Task details
A faithful copy of the whole listing is the goal. Match it exactly.

::: Source data

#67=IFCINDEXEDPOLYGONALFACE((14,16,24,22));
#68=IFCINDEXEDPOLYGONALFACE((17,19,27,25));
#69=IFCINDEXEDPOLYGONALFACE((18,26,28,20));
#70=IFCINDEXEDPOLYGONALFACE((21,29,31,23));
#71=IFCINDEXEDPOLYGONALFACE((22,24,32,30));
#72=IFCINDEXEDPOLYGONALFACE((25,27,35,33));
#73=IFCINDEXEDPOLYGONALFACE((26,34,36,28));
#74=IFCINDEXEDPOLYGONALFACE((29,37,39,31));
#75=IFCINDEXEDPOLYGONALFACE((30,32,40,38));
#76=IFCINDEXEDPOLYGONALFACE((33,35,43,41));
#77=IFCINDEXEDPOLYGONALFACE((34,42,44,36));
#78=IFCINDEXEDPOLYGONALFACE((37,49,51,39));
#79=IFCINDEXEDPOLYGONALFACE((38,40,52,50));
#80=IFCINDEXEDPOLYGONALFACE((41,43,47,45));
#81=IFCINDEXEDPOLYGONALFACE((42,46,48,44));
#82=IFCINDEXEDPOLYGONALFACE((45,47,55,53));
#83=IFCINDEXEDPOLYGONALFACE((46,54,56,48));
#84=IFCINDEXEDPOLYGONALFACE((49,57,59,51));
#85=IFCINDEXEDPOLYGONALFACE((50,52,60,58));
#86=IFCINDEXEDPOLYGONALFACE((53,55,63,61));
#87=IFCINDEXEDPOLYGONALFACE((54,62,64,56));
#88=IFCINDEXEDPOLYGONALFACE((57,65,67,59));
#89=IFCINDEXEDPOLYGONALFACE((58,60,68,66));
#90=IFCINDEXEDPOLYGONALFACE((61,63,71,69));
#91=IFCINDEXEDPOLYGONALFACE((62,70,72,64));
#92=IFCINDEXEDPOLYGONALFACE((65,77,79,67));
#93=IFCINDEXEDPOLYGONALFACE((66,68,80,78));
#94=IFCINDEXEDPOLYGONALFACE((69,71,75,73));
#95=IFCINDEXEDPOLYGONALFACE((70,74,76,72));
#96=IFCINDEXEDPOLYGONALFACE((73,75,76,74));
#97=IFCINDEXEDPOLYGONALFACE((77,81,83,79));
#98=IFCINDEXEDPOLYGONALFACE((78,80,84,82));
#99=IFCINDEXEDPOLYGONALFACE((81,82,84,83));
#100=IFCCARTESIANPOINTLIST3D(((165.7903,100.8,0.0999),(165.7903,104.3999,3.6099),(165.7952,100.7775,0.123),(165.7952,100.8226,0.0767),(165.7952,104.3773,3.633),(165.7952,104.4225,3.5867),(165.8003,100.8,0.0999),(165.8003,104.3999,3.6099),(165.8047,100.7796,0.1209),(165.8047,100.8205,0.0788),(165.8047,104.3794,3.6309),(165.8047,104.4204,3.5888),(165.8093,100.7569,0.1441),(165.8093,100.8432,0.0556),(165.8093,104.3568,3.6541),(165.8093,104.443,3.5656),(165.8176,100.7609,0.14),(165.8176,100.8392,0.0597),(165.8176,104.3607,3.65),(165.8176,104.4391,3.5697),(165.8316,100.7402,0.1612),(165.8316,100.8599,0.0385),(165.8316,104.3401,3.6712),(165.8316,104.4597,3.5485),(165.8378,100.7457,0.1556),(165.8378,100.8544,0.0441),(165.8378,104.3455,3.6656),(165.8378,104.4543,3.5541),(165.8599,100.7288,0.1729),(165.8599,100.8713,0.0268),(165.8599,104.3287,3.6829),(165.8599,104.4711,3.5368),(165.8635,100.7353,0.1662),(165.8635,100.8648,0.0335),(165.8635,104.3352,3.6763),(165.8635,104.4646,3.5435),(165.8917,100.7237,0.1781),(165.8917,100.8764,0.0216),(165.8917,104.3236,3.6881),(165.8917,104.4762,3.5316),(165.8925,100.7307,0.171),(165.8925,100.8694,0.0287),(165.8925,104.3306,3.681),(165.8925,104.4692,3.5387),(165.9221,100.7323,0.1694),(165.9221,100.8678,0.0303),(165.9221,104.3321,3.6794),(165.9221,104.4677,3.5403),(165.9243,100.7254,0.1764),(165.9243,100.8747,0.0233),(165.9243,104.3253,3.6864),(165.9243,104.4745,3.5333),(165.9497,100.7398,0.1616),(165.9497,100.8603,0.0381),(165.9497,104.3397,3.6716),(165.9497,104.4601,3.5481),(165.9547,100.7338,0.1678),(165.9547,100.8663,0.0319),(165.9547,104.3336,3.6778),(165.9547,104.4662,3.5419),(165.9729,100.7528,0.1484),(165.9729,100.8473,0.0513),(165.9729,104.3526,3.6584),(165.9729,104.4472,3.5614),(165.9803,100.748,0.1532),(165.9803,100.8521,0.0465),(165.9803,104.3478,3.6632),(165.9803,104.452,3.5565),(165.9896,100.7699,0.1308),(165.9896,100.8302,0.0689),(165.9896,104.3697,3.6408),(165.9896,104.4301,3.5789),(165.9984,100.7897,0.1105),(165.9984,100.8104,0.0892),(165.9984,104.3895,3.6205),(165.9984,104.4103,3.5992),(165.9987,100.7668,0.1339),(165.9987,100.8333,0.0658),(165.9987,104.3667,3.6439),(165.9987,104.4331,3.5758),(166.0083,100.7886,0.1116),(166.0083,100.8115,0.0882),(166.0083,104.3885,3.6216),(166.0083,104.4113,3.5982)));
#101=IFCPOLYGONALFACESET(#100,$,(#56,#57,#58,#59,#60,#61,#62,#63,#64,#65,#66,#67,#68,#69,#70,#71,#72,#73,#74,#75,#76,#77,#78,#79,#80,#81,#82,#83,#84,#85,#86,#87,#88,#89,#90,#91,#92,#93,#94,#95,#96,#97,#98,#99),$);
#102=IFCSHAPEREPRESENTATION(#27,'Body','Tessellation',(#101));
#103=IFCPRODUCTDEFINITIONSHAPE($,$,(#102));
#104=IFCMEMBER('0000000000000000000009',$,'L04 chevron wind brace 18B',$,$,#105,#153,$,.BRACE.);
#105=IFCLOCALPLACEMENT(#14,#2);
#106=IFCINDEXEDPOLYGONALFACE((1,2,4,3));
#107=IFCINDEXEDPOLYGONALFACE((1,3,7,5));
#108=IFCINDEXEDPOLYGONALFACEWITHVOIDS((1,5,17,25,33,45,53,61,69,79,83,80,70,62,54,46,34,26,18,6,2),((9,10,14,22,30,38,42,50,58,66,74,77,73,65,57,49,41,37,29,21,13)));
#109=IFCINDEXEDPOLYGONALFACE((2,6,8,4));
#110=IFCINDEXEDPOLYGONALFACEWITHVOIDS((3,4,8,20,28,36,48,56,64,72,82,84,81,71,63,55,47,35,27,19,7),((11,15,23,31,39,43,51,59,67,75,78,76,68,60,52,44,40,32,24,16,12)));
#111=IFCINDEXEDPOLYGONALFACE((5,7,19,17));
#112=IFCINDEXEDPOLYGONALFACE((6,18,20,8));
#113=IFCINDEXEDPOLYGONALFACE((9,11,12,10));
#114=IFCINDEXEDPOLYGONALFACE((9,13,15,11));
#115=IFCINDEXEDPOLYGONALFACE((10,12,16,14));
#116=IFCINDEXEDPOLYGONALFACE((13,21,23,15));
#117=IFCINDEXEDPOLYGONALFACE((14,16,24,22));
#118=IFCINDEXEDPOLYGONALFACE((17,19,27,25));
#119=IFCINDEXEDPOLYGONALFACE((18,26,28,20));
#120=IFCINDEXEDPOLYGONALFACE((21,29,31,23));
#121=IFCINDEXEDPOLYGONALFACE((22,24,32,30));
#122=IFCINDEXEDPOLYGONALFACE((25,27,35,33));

::::::

Exercise output
#67=IFCINDEXEDPOLYGONALFACE((14,16,24,22));
#68=IFCINDEXEDPOLYGONALFACE((17,19,27,25));
#69=IFCINDEXEDPOLYGONALFACE((18,26,28,20));
#70=IFCINDEXEDPOLYGONALFACE((21,29,31,23));
#71=IFCINDEXEDPOLYGONALFACE((22,24,32,30));
#72=IFCINDEXEDPOLYGONALFACE((25,27,35,33));
#73=IFCINDEXEDPOLYGONALFACE((26,34,36,28));
#74=IFCINDEXEDPOLYGONALFACE((29,37,39,31));
#75=IFCINDEXEDPOLYGONALFACE((30,32,40,38));
#76=IFCINDEXEDPOLYGONALFACE((33,35,43,41));
#77=IFCINDEXEDPOLYGONALFACE((34,42,44,36));
#78=IFCINDEXEDPOLYGONALFACE((37,49,51,39));
#79=IFCINDEXEDPOLYGONALFACE((38,40,52,50));
#80=IFCINDEXEDPOLYGONALFACE((41,43,47,45));
#81=IFCINDEXEDPOLYGONALFACE((42,46,48,44));
#82=IFCINDEXEDPOLYGONALFACE((45,47,55,53));
#83=IFCINDEXEDPOLYGONALFACE((46,54,56,48));
#84=IFCINDEXEDPOLYGONALFACE((49,57,59,51));
#85=IFCINDEXEDPOLYGONALFACE((50,52,60,58));
#86=IFCINDEXEDPOLYGONALFACE((53,55,63,61));
#87=IFCINDEXEDPOLYGONALFACE((54,62,64,56));
#88=IFCINDEXEDPOLYGONALFACE((57,65,67,59));
#89=IFCINDEXEDPOLYGONALFACE((58,60,68,66));
#90=IFCINDEXEDPOLYGONALFACE((61,63,71,69));
#91=IFCINDEXEDPOLYGONALFACE((62,70,72,64));
#92=IFCINDEXEDPOLYGONALFACE((65,77,79,67));
#93=IFCINDEXEDPOLYGONALFACE((66,68,80,78));
#94=IFCINDEXEDPOLYGONALFACE((69,71,75,73));
#95=IFCINDEXEDPOLYGONALFACE((70,74,76,72));
#96=IFCINDEXEDPOLYGONALFACE((73,75,76,74));
#97=IFCINDEXEDPOLYGONALFACE((77,81,83,79));
#98=IFCINDEXEDPOLYGONALFACE((78,80,84,82));
#99=IFCINDEXEDPOLYGONALFACE((81,82,84,83));
#100=IFCCARTESIANPOINTLIST3D(((165.7903,100.8,0.0999),(165.7903,104.3999,3.6099),(165.7952,100.7775,0.123),(165.7952,100.8226,0.0767),(165.7952,104.3773,3.633),(165.7952,104.4225,3.5867),(165.8003,100.8,0.0999),(165.8003,104.3999,3.6099),(165.8047,100.7796,0.1209),(165.8047,100.8205,0.0788),(165.8047,104.3794,3.6309),(165.8047,104.4204,3.5888),(165.8093,100.7569,0.1441),(165.8093,100.8432,0.0556),(165.8093,104.3568,3.6541),(165.8093,104.443,3.5656),(165.8176,100.7609,0.14),(165.8176,100.8392,0.0597),(165.8176,104.3607,3.65),(165.8176,104.4391,3.5697),(165.8316,100.7402,0.1612),(165.8316,100.8599,0.0385),(165.8316,104.3401,3.6712),(165.8316,104.4597,3.5485),(165.8378,100.7457,0.1556),(165.8378,100.8544,0.0441),(165.8378,104.3455,3.6656),(165.8378,104.4543,3.5541),(165.8599,100.7288,0.1729),(165.8599,100.8713,0.0268),(165.8599,104.3287,3.6829),(165.8599,104.4711,3.5368),(165.8635,100.7353,0.1662),(165.8635,100.8648,0.0335),(165.8635,104.3352,3.6763),(165.8635,104.4646,3.5435),(165.8917,100.7237,0.1781),(165.8917,100.8764,0.0216),(165.8917,104.3236,3.6881),(165.8917,104.4762,3.5316),(165.8925,100.7307,0.171),(165.8925,100.8694,0.0287),(165.8925,104.3306,3.681),(165.8925,104.4692,3.5387),(165.9221,100.7323,0.1694),(165.9221,100.8678,0.0303),(165.9221,104.3321,3.6794),(165.9221,104.4677,3.5403),(165.9243,100.7254,0.1764),(165.9243,100.8747,0.0233),(165.9243,104.3253,3.6864),(165.9243,104.4745,3.5333),(165.9497,100.7398,0.1616),(165.9497,100.8603,0.0381),(165.9497,104.3397,3.6716),(165.9497,104.4601,3.5481),(165.9547,100.7338,0.1678),(165.9547,100.8663,0.0319),(165.9547,104.3336,3.6778),(165.9547,104.4662,3.5419),(165.9729,100.7528,0.1484),(165.9729,100.8473,0.0513),(165.9729,104.3526,3.6584),(165.9729,104.4472,3.5614),(165.9803,100.748,0.1532),(165.9803,100.8521,0.0465),(165.9803,104.3478,3.6632),(165.9803,104.452,3.5565),(165.9896,100.7699,0.1308),(165.9896,100.8302,0.0689),(165.9896,104.3697,3.6408),(165.9896,104.4301,3.5789),(165.9984,100.7897,0.1105),(165.9984,100.8104,0.0892),(165.9984,104.3895,3.6205),(165.9984,104.4103,3.5992),(165.9987,100.7668,0.1339),(165.9987,100.8333,0.0658),(165.9987,104.3667,3.6439),(165.9987,104.4331,3.5758),(166.0083,100.7886,0.1116),(166.0083,100.8115,0.0882),(166.0083,104.3885,3.6216),(166.0083,104.4113,3.5982)));
#101=IFCPOLYGONALFACESET(#100,$,(#56,#57,#58,#59,#60,#61,#62,#63,#64,#65,#66,#67,#68,#69,#70,#71,#72,#73,#74,#75,#76,#77,#78,#79,#80,#81,#82,#83,#84,#85,#86,#87,#88,#89,#90,#91,#92,#93,#94,#95,#96,#97,#98,#99),$);
#102=IFCSHAPEREPRESENTATION(#27,'Body','Tessellation',(#101));
#103=IFCPRODUCTDEFINITIONSHAPE($,$,(#102));
#104=IFCMEMBER('0000000000000000000009',$,'L04 chevron wind brace 18B',$,$,#105,#153,$,.BRACE.);
#105=IFCLOCALPLACEMENT(#14,#2);
#106=IFCINDEXEDPOLYGONALFACE((1,2,4,3));
#107=IFCINDEXEDPOLYGONALFACE((1,3,7,5));
#108=IFCINDEXEDPOLYGONALFACEWITHVOIDS((1,5,17,25,33,45,53,61,69,79,83,80,70,62,54,46,34,26,18,6,2),((9,10,14,22,30,38,42,50,58,66,74,77,73,65,57,49,41,37,29,21,13)));
#109=IFCINDEXEDPOLYGONALFACE((2,6,8,4));
#110=IFCINDEXEDPOLYGONALFACEWITHVOIDS((3,4,8,20,28,36,48,56,64,72,82,84,81,71,63,55,47,35,27,19,7),((11,15,23,31,39,43,51,59,67,75,78,76,68,60,52,44,40,32,24,16,12)));
#111=IFCINDEXEDPOLYGONALFACE((5,7,19,17));
#112=IFCINDEXEDPOLYGONALFACE((6,18,20,8));
#113=IFCINDEXEDPOLYGONALFACE((9,11,12,10));
#114=IFCINDEXEDPOLYGONALFACE((9,13,15,11));
#115=IFCINDEXEDPOLYGONALFACE((10,12,16,14));
#116=IFCINDEXEDPOLYGONALFACE((13,21,23,15));
#117=IFCINDEXEDPOLYGONALFACE((14,16,24,22));
#118=IFCINDEXEDPOLYGONALFACE((17,19,27,25));
#119=IFCINDEXEDPOLYGONALFACE((18,26,28,20));
#120=IFCINDEXEDPOLYGONALFACE((21,29,31,23));
#121=IFCINDEXEDPOLYGONALFACE((22,24,32,30));
#122=IFCINDEXEDPOLYGONALFACE((25,27,35,33));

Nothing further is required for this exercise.